*MATERIAL FOR THIS TASK*
######

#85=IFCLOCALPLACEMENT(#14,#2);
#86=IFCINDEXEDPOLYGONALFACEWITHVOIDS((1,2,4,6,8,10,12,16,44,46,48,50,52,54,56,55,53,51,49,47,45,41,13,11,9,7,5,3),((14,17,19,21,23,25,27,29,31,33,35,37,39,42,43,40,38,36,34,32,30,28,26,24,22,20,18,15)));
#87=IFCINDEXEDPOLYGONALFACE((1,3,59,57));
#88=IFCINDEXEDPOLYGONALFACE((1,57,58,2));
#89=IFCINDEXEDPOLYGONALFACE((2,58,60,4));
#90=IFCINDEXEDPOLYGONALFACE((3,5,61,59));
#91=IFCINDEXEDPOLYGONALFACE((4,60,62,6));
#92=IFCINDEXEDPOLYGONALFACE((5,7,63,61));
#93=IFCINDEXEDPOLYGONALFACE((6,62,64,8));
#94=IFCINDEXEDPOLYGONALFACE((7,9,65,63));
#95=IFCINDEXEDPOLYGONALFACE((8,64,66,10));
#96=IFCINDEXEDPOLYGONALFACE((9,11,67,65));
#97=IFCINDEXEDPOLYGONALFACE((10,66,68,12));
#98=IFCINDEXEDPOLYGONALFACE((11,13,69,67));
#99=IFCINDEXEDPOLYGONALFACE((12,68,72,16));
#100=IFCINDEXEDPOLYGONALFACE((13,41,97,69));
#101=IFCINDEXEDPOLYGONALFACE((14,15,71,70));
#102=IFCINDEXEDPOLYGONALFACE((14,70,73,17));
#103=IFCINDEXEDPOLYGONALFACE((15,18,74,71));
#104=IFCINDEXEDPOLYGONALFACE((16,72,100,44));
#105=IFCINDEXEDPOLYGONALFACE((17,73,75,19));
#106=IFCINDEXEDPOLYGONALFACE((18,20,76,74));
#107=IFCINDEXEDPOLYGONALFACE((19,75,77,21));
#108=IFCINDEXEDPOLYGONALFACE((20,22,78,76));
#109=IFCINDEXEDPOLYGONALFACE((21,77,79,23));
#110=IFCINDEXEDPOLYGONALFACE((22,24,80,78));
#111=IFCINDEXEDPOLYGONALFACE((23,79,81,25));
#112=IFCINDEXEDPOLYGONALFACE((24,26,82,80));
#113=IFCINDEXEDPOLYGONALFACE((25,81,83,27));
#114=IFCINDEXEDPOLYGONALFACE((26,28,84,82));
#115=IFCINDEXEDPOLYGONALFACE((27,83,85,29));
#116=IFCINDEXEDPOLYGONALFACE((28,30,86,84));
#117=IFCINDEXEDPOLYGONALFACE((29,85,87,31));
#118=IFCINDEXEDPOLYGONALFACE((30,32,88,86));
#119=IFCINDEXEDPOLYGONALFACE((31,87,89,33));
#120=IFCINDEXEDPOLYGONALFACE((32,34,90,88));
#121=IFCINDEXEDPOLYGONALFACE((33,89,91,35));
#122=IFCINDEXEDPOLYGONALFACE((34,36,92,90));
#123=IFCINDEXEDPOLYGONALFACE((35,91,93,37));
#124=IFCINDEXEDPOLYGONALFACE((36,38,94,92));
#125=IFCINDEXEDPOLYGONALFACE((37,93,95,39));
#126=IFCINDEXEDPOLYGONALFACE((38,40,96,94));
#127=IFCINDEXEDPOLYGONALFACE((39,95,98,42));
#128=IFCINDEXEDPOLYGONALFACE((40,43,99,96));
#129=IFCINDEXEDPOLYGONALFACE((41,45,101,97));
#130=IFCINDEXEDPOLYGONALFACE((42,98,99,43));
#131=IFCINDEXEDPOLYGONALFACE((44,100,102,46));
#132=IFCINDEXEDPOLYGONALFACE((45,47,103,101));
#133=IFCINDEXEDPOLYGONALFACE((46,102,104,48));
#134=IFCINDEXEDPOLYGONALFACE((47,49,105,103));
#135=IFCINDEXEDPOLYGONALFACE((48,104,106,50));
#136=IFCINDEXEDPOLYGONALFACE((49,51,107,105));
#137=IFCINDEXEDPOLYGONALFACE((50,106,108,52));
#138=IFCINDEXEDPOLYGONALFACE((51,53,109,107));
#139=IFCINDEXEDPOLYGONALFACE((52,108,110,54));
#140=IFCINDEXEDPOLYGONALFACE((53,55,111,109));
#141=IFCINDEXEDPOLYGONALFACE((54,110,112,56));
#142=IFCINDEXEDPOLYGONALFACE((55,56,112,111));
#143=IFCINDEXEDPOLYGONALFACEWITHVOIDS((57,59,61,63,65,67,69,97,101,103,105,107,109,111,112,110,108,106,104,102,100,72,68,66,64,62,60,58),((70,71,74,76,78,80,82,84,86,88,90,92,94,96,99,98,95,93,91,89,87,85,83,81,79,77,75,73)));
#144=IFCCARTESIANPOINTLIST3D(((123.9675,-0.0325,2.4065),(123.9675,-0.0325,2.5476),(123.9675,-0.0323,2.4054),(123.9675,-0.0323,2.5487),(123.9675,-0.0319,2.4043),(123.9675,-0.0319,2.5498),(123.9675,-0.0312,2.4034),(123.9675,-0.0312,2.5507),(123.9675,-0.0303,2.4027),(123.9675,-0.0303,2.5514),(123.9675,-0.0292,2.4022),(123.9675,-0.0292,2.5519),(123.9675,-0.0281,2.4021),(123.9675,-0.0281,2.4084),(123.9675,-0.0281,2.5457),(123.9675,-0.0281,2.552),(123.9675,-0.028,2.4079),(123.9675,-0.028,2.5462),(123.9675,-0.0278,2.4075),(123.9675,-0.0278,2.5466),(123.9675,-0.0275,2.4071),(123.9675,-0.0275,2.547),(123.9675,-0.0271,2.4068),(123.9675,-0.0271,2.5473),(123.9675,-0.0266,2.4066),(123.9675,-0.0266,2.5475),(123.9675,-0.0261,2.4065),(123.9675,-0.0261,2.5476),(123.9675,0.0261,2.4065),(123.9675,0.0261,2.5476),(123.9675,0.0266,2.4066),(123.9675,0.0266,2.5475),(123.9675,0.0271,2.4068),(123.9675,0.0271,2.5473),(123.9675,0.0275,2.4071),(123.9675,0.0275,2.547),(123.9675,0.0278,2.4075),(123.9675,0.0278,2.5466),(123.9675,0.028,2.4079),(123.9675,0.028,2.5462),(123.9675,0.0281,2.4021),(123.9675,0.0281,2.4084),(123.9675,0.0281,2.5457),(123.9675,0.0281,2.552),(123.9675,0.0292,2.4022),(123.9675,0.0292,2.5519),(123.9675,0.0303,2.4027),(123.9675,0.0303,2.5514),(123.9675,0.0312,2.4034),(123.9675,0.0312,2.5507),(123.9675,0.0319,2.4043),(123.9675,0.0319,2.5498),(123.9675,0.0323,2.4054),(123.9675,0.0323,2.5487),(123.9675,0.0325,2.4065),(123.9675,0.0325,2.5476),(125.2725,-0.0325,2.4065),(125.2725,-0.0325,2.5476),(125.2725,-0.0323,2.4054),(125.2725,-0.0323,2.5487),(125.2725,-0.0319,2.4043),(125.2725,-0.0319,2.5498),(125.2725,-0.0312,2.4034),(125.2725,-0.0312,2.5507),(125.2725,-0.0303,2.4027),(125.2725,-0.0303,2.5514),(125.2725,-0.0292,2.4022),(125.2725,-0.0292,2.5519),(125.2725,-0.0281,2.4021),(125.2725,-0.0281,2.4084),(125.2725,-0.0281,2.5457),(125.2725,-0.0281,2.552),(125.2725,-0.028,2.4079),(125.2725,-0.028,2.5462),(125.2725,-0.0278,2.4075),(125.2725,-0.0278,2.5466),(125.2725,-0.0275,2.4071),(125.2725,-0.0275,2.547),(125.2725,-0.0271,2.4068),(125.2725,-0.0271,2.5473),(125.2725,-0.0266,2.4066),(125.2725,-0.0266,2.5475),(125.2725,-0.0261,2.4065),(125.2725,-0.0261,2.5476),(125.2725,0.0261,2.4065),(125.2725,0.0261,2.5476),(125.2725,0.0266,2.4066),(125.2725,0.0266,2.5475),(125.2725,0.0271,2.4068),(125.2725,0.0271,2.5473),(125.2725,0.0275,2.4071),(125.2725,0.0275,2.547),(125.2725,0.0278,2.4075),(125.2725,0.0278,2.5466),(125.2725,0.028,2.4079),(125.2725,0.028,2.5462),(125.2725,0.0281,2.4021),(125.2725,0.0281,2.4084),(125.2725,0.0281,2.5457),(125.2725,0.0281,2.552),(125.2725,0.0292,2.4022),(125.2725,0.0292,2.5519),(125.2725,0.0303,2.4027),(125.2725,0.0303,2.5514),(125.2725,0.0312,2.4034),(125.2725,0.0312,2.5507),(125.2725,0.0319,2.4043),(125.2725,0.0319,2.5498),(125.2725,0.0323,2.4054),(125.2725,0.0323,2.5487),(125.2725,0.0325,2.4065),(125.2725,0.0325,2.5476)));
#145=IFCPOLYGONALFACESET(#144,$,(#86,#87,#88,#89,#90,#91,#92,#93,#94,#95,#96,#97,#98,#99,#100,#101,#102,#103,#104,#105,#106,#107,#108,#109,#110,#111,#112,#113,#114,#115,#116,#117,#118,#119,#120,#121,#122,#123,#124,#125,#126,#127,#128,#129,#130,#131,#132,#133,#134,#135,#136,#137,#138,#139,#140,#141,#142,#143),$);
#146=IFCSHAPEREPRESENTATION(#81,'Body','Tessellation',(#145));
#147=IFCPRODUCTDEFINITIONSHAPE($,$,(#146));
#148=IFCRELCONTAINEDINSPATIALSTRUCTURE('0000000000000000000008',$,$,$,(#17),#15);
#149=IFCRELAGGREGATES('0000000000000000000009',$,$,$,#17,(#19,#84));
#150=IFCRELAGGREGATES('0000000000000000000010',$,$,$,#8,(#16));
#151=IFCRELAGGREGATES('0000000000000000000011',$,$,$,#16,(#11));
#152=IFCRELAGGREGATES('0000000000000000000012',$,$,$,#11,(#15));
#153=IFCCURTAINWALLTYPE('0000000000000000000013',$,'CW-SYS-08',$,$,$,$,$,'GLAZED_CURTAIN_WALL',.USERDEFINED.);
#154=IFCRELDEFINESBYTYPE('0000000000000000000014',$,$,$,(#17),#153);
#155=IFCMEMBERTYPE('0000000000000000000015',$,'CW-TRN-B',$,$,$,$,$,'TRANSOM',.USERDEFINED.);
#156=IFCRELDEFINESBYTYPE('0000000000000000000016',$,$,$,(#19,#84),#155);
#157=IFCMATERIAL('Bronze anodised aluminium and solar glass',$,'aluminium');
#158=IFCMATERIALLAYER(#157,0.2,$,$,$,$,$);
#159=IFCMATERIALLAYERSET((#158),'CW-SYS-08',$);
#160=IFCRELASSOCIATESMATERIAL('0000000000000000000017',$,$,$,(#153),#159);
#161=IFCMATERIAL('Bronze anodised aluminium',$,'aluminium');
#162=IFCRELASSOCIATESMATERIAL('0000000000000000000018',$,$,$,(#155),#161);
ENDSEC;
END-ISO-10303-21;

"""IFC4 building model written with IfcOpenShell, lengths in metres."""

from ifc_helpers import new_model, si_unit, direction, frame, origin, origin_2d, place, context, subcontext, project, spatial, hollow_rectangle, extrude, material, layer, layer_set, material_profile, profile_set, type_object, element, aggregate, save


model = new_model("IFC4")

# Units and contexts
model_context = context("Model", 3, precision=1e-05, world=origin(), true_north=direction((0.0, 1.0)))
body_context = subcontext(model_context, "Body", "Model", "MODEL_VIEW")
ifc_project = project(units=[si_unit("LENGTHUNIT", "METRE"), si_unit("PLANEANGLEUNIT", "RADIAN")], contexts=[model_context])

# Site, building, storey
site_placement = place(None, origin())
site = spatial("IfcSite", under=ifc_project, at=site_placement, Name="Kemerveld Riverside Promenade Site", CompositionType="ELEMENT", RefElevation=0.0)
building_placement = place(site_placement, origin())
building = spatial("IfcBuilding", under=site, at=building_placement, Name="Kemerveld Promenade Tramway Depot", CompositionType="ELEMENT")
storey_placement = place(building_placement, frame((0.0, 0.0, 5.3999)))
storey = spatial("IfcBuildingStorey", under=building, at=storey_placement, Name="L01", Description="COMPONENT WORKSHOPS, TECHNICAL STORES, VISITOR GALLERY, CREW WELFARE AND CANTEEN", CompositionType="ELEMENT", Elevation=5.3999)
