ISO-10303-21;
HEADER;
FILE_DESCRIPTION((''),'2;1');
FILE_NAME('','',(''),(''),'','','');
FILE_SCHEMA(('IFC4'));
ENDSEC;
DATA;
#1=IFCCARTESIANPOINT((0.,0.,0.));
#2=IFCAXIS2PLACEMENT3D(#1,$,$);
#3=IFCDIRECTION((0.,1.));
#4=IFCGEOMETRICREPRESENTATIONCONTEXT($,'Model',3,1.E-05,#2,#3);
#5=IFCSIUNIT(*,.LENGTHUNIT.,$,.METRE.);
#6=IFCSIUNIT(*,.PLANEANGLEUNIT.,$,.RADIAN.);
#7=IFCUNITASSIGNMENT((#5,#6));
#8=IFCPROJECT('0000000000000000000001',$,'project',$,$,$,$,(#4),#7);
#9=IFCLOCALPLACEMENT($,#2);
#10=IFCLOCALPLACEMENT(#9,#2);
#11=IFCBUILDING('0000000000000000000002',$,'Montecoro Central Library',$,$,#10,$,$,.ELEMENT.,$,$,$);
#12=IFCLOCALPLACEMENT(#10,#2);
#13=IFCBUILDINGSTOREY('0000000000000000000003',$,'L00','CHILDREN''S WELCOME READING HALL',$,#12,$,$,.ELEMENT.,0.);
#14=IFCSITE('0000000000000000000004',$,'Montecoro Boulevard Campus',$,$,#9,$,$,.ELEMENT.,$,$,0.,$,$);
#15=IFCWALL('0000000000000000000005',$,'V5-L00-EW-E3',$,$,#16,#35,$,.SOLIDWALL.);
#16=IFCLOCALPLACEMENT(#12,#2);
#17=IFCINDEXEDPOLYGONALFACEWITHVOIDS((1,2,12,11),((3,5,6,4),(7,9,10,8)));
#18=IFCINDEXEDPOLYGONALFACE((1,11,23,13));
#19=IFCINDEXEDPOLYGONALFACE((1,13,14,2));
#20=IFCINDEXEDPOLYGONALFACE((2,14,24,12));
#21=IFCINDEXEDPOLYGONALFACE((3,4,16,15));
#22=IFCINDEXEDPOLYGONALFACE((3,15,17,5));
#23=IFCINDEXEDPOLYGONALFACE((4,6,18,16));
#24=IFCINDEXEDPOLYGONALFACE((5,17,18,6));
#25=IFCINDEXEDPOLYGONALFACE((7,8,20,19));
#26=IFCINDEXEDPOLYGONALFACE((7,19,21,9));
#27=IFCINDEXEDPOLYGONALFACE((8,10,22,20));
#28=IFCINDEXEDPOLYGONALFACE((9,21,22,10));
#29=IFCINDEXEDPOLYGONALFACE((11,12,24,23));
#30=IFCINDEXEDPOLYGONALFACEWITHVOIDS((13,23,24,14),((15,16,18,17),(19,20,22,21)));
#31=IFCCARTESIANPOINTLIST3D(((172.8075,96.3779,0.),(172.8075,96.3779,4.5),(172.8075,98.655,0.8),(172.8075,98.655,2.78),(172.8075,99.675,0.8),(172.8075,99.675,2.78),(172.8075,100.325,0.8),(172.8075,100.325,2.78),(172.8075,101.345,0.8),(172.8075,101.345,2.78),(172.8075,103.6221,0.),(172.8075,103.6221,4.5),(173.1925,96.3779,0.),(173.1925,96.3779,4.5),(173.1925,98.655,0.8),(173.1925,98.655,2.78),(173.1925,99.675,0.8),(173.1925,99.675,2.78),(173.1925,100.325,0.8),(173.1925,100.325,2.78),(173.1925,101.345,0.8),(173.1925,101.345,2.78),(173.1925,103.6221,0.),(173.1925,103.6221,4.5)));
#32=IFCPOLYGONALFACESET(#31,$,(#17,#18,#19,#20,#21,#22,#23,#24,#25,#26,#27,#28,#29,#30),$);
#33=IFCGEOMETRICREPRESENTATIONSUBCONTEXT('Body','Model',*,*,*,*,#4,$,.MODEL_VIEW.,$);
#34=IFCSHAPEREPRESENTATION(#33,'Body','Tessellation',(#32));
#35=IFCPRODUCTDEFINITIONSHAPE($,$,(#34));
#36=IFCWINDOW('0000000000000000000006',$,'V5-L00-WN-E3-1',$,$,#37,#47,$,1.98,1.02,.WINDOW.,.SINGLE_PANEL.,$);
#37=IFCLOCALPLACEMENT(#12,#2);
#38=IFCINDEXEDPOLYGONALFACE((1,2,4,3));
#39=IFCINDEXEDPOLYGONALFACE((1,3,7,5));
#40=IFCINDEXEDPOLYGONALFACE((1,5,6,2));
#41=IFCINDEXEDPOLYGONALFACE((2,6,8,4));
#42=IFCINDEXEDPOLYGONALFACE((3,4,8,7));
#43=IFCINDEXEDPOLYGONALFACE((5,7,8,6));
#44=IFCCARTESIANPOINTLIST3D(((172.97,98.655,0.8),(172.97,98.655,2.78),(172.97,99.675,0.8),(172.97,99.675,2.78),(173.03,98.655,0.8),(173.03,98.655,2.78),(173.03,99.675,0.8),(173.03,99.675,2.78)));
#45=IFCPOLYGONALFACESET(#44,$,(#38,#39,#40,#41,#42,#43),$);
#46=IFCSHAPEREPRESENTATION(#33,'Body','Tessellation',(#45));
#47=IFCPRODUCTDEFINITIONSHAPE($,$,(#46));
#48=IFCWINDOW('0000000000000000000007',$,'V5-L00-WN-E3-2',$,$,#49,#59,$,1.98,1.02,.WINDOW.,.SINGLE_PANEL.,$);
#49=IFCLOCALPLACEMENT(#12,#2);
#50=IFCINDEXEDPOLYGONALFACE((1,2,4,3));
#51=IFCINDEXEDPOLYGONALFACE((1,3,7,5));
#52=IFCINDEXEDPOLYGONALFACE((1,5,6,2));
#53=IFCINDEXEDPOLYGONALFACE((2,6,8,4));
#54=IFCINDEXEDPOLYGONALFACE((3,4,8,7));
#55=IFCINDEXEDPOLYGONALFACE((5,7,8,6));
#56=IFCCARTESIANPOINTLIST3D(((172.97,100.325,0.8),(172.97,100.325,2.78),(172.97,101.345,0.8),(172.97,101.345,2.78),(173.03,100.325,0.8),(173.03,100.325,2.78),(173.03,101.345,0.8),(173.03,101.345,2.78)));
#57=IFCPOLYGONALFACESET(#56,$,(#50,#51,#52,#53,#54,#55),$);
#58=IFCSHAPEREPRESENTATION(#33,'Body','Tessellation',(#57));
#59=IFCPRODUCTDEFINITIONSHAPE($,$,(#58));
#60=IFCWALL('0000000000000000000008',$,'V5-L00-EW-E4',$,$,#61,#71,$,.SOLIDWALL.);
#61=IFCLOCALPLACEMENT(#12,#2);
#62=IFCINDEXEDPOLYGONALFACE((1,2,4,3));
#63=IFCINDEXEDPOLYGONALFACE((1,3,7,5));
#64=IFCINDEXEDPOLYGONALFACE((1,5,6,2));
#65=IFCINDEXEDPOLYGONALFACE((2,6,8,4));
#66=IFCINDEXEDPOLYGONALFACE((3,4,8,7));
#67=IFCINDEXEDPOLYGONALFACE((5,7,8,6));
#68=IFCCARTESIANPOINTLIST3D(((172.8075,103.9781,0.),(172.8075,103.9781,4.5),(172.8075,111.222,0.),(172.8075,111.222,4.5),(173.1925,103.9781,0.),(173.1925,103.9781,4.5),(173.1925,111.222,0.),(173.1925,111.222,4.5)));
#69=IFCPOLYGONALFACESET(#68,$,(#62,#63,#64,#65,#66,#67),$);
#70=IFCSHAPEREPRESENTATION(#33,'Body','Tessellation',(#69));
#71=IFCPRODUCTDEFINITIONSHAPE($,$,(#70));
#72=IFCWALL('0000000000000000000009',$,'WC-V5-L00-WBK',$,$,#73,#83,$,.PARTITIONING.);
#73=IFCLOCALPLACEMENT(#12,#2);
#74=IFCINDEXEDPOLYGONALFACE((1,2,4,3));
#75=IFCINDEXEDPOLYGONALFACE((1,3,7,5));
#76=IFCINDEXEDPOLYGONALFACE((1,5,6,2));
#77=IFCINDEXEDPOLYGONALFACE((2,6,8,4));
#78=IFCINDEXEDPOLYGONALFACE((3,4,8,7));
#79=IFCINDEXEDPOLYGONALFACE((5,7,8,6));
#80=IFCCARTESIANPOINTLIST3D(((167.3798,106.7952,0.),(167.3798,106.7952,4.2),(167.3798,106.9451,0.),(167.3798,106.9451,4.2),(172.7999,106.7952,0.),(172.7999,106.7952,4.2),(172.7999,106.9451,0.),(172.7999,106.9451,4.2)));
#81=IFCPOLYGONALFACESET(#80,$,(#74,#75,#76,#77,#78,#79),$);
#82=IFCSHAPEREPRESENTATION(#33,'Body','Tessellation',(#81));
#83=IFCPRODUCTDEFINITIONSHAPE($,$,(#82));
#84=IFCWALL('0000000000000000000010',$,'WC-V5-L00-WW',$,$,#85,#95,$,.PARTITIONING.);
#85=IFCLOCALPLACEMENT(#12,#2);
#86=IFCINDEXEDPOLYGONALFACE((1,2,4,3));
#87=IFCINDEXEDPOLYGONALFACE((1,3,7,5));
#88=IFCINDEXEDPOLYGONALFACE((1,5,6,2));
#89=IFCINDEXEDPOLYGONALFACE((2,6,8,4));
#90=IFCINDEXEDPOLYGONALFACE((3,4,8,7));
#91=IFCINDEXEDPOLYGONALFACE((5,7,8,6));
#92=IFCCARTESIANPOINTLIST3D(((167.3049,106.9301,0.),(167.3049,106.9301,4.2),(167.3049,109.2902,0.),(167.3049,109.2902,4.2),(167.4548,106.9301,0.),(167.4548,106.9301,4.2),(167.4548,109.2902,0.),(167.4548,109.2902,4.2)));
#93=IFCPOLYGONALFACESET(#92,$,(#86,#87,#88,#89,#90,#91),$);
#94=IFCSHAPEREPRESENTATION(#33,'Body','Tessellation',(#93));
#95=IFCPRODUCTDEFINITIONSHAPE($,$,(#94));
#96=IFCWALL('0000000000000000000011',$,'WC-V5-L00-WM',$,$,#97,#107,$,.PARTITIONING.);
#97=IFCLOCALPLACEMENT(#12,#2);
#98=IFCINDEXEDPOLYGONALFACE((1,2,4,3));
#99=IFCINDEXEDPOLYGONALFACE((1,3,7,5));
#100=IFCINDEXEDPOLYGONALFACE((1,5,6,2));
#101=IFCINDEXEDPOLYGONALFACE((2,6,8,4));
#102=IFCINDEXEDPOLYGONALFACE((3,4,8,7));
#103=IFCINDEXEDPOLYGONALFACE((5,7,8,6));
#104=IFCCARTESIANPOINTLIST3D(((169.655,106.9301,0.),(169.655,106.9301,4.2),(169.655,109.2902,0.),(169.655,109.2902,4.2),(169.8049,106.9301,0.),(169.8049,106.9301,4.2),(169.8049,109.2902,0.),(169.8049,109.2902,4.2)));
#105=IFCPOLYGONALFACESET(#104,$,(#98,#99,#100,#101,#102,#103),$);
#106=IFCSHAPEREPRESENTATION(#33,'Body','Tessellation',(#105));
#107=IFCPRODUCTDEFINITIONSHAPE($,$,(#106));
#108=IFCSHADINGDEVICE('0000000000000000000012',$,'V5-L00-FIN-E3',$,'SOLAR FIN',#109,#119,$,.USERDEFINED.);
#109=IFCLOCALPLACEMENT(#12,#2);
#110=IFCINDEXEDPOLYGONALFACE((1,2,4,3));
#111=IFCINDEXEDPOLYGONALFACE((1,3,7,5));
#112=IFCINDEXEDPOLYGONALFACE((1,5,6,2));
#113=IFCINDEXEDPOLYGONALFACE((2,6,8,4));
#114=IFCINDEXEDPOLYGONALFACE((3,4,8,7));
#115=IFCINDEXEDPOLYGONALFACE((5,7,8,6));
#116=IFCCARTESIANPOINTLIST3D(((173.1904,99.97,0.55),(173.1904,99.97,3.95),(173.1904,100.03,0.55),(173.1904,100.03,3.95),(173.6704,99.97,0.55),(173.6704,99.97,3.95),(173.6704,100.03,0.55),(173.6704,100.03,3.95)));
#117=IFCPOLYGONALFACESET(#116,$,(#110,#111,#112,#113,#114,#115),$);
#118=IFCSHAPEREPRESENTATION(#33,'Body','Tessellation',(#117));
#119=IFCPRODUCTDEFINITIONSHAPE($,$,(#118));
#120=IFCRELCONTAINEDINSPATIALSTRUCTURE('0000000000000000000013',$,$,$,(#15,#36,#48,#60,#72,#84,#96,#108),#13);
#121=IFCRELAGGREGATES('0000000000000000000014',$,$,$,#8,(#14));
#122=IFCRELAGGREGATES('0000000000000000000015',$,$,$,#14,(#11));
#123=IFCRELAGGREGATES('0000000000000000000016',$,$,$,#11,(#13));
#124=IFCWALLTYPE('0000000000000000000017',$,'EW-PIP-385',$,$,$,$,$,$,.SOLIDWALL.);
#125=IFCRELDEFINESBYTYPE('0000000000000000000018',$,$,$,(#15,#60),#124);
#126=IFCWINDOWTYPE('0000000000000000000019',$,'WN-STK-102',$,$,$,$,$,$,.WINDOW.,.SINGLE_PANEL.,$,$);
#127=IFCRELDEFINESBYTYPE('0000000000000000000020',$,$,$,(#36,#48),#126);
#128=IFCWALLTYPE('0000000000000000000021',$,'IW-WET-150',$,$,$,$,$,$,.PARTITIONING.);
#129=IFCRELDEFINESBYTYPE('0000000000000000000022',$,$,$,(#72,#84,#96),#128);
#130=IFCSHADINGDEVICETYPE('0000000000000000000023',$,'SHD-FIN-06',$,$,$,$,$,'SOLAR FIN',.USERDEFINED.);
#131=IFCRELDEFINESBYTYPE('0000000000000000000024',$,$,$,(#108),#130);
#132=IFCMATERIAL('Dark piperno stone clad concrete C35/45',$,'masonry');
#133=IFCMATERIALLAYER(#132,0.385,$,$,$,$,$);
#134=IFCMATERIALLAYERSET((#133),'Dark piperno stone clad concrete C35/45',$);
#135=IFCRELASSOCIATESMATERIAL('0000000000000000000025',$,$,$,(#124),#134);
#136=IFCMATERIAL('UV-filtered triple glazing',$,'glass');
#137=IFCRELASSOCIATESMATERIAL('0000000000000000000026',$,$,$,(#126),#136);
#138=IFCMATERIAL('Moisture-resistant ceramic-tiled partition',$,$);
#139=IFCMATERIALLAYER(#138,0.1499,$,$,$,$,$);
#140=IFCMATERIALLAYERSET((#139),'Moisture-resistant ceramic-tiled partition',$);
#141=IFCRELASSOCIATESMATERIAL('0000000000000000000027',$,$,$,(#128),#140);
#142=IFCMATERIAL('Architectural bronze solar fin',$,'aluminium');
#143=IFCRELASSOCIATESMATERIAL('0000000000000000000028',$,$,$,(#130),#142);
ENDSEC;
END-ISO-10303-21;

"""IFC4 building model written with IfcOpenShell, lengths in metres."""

from ifc_helpers import new_model, si_unit, direction, frame, frame_2d, origin, origin_2d, place, context, subcontext, project, spatial, rectangle, extrude, material, layer, layer_set, type_object, element, fill, save


model = new_model("IFC4")

# Units and contexts
model_context = context("Model", 3, precision=1e-05, world=origin(), true_north=direction((0.0, 1.0)))
body_context = subcontext(model_context, "Body", "Model", "MODEL_VIEW")
ifc_project = project(units=[si_unit("LENGTHUNIT", "METRE"), si_unit("PLANEANGLEUNIT", "RADIAN")], contexts=[model_context])

# Site, building, storey
site_placement = place(None, origin())
site = spatial("IfcSite", under=ifc_project, at=site_placement, Name="Montecoro Boulevard Campus", CompositionType="ELEMENT", RefElevation=0.0)
building_placement = place(site_placement, origin())
building = spatial("IfcBuilding", under=site, at=building_placement, Name="Montecoro Central Library", CompositionType="ELEMENT")
storey_placement = place(building_placement, origin())
storey = spatial("IfcBuildingStorey", under=building, at=storey_placement, Name="L00", Description="CHILDREN'S WELCOME READING HALL", CompositionType="ELEMENT", Elevation=0.0)

# Shared definitions
ifc_material_1 = material(Name="Dark piperno stone clad concrete C35/45", Category="masonry")
ifc_layer_1 = layer(ifc_material_1, 0.385)
ifc_layer_set_1 = layer_set([ifc_layer_1], Name="Dark piperno stone clad concrete C35/45")
wall_type_1 = type_object("IfcWallType", Name="EW-PIP-385", PredefinedType="SOLIDWALL", material=ifc_layer_set_1)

######

Wherever a line of the data above contains "USERDEFINED", copy that line.

*TASK SOLUTION*
#153=IFCCURTAINWALLTYPE('0000000000000000000013',$,'CW-SYS-08',$,$,$,$,$,'GLAZED_CURTAIN_WALL',.USERDEFINED.);
#155=IFCMEMBERTYPE('0000000000000000000015',$,'CW-TRN-B',$,$,$,$,$,'TRANSOM',.USERDEFINED.);
#108=IFCSHADINGDEVICE('0000000000000000000012',$,'V5-L00-FIN-E3',$,'SOLAR FIN',#109,#119,$,.USERDEFINED.);
#130=IFCSHADINGDEVICETYPE('0000000000000000000023',$,'SHD-FIN-06',$,$,$,$,$,'SOLAR FIN',.USERDEFINED.);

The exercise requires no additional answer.